▶ [ACTIVITY]: Of the lines listed below, return exactly those that run from the line containing "#137=IFCINDEXEDPOLYGONALFACE((31,32,36,35));" through the line containing "#141=IFCINDEXEDPOLYGONALFACE((39,40,42,41));", both included.

▶ [EXCERPTED DATA]:
☆ ☆ ☆ ☆

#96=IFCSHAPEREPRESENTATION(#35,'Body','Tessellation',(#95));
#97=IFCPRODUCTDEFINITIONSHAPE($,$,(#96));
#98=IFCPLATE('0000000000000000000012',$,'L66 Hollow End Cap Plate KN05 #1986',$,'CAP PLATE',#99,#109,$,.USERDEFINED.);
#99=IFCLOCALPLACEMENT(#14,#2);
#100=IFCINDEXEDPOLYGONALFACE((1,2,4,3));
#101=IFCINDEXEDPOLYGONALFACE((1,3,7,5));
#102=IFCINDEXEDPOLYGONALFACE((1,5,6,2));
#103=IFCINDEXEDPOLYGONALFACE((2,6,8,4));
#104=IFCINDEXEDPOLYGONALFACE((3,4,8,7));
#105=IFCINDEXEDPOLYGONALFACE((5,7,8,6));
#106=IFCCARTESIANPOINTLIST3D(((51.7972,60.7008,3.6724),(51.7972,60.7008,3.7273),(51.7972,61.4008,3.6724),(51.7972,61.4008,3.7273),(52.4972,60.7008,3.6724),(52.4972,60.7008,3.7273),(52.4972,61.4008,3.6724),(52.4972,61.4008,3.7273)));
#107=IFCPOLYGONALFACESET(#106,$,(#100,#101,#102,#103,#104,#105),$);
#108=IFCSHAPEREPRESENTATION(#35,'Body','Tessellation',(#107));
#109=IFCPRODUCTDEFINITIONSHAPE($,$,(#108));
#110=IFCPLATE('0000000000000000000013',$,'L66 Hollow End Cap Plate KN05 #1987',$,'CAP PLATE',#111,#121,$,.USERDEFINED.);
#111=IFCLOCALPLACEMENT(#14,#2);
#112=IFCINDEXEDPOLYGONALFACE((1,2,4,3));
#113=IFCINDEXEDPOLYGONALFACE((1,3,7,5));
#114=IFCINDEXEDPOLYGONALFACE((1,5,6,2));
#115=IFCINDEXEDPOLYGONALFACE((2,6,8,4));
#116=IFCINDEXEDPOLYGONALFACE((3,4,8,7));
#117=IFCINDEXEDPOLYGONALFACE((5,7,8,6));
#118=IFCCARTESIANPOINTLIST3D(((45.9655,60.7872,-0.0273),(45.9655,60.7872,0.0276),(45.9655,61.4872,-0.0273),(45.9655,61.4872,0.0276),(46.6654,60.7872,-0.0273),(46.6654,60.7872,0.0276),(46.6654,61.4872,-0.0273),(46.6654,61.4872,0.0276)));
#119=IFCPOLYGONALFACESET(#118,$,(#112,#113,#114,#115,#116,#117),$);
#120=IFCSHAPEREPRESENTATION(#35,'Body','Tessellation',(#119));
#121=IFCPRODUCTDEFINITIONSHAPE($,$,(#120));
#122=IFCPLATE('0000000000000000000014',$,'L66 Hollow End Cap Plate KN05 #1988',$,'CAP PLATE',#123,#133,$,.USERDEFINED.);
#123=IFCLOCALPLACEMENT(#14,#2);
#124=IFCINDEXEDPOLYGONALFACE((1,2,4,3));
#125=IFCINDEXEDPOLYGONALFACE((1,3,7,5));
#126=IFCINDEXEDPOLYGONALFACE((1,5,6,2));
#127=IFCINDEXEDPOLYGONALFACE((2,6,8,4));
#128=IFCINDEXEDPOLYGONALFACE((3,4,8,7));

☆ ☆ ☆ ☆

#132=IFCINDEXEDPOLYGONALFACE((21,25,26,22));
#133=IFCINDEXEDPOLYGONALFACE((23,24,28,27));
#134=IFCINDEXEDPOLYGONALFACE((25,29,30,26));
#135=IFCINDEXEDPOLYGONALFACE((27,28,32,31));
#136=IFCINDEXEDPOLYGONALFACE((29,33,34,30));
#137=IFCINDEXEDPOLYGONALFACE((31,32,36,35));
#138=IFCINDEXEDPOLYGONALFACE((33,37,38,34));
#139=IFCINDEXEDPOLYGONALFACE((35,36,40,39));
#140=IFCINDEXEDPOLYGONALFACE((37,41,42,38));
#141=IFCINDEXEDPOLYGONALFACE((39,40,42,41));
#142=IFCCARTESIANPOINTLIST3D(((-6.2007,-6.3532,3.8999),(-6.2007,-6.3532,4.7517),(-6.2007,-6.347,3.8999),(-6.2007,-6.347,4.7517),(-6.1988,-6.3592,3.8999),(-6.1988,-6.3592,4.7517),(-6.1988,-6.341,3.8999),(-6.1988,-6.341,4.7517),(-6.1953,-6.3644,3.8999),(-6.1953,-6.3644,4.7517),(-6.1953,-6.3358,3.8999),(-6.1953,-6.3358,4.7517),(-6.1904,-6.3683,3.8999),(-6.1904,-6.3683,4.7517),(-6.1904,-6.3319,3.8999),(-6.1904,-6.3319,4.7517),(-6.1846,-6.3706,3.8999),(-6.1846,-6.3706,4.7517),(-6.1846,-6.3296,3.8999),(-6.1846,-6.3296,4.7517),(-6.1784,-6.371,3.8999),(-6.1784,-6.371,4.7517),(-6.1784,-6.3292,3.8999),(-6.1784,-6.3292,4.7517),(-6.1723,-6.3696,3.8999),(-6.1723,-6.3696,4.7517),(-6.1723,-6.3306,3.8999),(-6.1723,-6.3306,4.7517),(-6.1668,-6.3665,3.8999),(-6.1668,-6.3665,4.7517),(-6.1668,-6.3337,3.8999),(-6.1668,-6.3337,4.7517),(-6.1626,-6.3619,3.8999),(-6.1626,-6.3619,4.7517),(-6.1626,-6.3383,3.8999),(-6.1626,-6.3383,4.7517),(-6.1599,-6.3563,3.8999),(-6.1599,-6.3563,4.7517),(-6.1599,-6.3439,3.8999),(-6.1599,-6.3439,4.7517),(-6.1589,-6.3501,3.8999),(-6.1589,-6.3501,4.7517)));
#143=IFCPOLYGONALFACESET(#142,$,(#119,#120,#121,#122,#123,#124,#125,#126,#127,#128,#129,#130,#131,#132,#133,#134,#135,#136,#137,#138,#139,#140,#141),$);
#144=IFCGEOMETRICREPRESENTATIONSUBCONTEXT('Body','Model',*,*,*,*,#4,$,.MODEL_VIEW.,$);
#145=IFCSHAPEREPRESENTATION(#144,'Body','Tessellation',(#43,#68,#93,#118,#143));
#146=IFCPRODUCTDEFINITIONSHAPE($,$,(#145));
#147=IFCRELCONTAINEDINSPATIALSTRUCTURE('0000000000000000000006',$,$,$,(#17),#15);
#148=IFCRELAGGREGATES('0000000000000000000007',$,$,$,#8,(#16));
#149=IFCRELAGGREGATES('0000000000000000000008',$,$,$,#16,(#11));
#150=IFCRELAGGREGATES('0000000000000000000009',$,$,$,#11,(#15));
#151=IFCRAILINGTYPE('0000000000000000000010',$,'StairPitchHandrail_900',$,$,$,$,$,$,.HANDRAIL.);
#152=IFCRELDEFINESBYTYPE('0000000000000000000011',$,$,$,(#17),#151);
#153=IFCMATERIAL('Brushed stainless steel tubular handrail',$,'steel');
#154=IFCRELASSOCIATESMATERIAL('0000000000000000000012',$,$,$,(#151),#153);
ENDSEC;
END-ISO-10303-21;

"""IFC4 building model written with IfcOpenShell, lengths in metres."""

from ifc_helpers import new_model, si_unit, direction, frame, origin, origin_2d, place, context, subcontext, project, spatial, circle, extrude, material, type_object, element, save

☆ ☆ ☆ ☆

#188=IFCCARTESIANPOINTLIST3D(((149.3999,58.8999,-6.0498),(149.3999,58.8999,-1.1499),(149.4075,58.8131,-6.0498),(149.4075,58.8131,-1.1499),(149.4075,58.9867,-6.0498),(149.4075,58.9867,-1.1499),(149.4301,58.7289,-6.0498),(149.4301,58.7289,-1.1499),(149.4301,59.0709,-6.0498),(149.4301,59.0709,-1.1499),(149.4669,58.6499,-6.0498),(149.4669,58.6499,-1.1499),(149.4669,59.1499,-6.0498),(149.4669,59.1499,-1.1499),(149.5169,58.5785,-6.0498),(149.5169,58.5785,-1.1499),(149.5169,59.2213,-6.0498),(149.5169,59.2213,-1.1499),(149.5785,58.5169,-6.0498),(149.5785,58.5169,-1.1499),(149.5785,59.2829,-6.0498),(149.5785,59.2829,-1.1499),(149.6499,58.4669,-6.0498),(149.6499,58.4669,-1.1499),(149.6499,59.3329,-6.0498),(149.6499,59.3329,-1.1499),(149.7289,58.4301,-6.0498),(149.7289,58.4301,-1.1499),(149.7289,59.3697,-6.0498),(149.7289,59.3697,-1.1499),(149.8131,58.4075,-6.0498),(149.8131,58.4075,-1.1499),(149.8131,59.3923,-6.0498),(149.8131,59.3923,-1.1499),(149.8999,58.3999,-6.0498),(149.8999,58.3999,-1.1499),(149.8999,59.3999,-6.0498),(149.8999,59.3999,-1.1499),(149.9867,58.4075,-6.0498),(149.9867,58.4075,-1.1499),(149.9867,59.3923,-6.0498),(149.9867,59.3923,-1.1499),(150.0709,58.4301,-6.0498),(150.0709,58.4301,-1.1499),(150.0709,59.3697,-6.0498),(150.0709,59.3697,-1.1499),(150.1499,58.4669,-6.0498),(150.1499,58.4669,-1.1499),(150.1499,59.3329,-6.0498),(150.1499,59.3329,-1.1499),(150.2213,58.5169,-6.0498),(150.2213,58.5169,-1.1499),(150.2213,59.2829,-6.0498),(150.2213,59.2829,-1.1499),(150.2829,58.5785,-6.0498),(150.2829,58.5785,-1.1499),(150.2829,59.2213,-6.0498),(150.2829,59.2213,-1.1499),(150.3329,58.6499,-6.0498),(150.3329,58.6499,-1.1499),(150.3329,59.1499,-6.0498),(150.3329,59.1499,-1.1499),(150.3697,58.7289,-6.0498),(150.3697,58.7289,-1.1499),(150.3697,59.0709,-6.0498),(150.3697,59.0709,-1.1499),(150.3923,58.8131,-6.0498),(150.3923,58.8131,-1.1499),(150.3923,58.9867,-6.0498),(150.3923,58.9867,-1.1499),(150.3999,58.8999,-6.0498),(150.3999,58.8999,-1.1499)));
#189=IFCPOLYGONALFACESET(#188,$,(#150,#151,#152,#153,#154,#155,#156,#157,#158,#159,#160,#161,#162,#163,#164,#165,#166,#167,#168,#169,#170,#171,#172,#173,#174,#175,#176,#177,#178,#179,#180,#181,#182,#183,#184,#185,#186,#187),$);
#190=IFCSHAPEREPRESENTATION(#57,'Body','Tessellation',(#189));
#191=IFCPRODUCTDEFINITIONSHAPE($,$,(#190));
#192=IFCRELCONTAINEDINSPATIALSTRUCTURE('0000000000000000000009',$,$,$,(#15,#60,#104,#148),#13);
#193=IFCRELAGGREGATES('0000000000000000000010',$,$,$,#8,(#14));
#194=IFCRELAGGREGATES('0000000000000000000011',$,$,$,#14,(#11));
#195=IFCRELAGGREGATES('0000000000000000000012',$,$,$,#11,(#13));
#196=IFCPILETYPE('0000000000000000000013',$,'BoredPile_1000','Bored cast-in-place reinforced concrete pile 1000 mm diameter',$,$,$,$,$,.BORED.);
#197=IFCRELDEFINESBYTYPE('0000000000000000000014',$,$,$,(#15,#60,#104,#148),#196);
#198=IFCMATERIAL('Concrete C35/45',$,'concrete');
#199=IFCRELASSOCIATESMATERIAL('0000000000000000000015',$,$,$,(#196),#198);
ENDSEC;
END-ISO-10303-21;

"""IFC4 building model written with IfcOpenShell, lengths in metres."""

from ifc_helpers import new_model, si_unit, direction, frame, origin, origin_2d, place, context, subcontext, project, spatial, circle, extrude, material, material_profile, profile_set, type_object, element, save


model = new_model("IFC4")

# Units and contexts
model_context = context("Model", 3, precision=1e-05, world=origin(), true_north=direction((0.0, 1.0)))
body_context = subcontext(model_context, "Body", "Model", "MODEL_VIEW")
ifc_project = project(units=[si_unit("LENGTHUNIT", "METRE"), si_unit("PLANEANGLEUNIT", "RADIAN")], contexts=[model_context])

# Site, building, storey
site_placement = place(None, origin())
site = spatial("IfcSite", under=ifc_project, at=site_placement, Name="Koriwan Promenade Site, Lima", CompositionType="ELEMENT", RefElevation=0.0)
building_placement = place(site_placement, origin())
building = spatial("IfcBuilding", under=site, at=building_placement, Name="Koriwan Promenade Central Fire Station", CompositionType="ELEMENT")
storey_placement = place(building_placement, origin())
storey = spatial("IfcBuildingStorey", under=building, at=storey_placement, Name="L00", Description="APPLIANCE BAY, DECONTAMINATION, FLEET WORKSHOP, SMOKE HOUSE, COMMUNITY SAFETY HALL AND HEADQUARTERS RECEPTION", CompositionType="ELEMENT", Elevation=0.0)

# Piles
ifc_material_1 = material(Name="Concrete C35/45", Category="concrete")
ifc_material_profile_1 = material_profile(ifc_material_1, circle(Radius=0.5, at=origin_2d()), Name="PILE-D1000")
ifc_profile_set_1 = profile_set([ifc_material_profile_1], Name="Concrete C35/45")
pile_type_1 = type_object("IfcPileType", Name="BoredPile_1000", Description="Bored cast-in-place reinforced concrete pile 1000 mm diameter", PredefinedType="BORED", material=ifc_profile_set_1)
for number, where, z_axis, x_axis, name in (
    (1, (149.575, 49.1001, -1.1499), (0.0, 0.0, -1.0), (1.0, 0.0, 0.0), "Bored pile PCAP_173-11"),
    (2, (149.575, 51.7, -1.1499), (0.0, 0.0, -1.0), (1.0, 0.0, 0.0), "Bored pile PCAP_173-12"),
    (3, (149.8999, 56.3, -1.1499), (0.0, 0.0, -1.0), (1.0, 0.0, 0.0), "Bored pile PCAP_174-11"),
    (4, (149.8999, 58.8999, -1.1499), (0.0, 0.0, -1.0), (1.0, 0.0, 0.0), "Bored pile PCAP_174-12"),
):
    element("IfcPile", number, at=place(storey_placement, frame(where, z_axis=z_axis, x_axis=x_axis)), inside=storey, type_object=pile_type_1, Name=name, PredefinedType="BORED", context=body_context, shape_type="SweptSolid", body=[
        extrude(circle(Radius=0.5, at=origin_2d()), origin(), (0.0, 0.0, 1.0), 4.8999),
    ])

☆ ☆ ☆ ☆

▶ [EXERCISE ANSWER]:
#137=IFCINDEXEDPOLYGONALFACE((31,32,36,35));
#138=IFCINDEXEDPOLYGONALFACE((33,37,38,34));
#139=IFCINDEXEDPOLYGONALFACE((35,36,40,39));
#140=IFCINDEXEDPOLYGONALFACE((37,41,42,38));
#141=IFCINDEXEDPOLYGONALFACE((39,40,42,41));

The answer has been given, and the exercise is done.